- **WHAT YOU SHOULD DO**
Each line in the records below, from the one that contains "#136=IFCMEMBER('0000000000000000000007',$,'CROWN FRAME foot" to the one that contains "#140=IFCINDEXEDPOLYGONALFACE((1,13,14,7,8,15,16,4,3,6,5,2));", should be reproduced exactly, the first and last included.

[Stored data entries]
• • • • • • •

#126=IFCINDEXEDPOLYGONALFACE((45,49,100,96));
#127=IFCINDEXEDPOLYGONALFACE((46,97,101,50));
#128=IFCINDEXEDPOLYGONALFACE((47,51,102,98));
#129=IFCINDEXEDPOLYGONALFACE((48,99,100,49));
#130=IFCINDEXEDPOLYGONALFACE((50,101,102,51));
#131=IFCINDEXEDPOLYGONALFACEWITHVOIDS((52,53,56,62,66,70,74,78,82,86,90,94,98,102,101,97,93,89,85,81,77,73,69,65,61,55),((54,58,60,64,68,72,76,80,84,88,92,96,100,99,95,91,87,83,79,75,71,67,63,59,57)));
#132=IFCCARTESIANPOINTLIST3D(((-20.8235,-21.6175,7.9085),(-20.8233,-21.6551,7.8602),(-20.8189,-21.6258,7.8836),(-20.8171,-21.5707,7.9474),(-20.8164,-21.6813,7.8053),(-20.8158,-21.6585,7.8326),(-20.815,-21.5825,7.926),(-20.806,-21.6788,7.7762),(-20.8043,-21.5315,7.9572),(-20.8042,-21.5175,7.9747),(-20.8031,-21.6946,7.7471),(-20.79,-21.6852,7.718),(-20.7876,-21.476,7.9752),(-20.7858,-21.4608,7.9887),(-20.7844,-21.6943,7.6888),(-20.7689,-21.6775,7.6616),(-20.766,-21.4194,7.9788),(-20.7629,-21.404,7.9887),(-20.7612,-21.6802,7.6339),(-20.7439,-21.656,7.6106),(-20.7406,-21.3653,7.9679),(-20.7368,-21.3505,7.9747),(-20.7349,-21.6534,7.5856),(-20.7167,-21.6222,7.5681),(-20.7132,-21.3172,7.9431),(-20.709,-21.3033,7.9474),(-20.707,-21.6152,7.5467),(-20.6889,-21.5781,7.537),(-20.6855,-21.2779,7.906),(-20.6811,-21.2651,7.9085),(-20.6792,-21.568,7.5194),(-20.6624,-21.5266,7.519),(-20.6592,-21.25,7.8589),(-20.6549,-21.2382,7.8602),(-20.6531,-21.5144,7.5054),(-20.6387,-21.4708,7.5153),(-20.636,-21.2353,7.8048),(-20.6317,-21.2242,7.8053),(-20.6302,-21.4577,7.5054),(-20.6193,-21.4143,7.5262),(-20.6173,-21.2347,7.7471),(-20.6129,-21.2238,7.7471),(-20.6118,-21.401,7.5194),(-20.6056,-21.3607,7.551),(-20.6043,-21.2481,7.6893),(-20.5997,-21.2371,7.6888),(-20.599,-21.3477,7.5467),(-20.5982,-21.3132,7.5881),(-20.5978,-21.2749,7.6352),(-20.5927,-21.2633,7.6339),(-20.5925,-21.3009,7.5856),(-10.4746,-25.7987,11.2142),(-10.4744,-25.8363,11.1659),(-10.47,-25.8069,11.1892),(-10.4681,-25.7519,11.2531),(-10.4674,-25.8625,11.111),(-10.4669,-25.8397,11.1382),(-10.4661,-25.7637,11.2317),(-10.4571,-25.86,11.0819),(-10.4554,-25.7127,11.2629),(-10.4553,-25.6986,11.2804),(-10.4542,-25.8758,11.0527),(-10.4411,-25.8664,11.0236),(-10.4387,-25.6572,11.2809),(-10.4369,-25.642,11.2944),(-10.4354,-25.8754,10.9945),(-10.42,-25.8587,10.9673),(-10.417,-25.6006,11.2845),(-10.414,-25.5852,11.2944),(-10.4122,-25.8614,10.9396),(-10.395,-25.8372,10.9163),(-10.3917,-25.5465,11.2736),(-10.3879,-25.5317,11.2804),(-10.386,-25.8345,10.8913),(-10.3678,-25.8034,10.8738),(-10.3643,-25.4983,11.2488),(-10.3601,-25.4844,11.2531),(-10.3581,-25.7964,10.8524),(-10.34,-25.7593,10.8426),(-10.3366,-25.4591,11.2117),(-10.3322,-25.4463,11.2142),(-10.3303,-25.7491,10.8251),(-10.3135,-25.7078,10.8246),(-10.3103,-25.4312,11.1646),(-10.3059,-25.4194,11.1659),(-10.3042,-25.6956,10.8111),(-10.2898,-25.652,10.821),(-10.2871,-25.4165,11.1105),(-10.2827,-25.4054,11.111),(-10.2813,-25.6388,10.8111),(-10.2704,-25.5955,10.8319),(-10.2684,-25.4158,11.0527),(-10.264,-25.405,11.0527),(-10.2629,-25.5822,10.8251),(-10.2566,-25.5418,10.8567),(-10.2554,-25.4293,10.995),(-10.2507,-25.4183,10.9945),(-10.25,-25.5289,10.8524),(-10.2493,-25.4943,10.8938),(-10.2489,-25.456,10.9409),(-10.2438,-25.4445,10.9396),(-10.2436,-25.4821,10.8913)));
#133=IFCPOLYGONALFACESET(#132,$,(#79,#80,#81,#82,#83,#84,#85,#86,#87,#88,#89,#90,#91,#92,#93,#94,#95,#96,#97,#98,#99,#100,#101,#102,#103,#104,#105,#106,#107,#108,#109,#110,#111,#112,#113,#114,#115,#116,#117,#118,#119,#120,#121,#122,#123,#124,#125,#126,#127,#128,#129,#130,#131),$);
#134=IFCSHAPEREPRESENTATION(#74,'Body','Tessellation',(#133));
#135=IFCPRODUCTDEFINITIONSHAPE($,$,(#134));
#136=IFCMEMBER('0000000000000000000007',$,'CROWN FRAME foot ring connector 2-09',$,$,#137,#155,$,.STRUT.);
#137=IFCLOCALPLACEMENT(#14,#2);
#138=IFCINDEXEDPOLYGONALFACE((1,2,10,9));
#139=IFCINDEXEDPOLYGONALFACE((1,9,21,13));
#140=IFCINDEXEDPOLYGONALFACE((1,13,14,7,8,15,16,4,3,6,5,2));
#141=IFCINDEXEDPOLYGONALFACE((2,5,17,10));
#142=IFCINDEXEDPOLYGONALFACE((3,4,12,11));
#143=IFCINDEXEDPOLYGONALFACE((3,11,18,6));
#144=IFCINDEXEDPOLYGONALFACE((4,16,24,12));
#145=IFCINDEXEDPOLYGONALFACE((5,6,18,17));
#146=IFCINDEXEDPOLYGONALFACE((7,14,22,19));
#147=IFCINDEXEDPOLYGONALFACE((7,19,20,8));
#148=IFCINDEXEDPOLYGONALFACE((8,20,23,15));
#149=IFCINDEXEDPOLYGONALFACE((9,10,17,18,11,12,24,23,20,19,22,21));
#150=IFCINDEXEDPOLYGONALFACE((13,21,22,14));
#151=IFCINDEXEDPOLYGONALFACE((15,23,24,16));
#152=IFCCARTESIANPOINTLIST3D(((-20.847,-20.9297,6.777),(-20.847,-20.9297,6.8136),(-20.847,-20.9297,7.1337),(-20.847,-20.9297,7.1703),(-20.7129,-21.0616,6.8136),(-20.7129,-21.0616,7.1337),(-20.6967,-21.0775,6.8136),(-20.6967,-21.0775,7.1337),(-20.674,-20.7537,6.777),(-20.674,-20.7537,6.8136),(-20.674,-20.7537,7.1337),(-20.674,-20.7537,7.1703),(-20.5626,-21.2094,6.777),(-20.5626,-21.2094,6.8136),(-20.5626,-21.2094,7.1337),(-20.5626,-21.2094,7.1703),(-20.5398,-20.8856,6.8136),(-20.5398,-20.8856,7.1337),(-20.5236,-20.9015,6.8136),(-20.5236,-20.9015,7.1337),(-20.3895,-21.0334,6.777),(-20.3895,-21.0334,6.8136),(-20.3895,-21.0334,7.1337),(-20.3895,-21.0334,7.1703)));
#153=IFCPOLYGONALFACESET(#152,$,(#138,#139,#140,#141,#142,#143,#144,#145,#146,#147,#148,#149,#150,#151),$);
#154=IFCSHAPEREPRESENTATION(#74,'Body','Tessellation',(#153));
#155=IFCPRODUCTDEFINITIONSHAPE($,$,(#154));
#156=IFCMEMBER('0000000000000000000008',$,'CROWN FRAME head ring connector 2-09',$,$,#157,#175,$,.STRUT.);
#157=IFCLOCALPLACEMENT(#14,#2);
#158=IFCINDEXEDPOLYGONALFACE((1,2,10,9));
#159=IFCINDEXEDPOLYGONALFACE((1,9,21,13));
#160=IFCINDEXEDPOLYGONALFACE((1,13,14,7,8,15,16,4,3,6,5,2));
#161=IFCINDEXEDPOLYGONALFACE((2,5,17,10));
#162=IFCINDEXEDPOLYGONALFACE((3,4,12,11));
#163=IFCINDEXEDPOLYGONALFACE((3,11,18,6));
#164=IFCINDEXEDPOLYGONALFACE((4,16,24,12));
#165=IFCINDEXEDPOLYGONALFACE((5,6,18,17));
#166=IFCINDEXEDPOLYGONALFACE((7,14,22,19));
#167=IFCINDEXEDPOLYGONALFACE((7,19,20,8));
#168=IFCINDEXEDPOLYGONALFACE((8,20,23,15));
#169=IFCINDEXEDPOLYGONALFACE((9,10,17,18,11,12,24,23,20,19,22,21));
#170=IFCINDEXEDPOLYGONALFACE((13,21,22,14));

• • • • • • •

- **EXERCISE RESPONSE**
#136=IFCMEMBER('0000000000000000000007',$,'CROWN FRAME foot ring connector 2-09',$,$,#137,#155,$,.STRUT.);
#137=IFCLOCALPLACEMENT(#14,#2);
#138=IFCINDEXEDPOLYGONALFACE((1,2,10,9));
#139=IFCINDEXEDPOLYGONALFACE((1,9,21,13));
#140=IFCINDEXEDPOLYGONALFACE((1,13,14,7,8,15,16,4,3,6,5,2));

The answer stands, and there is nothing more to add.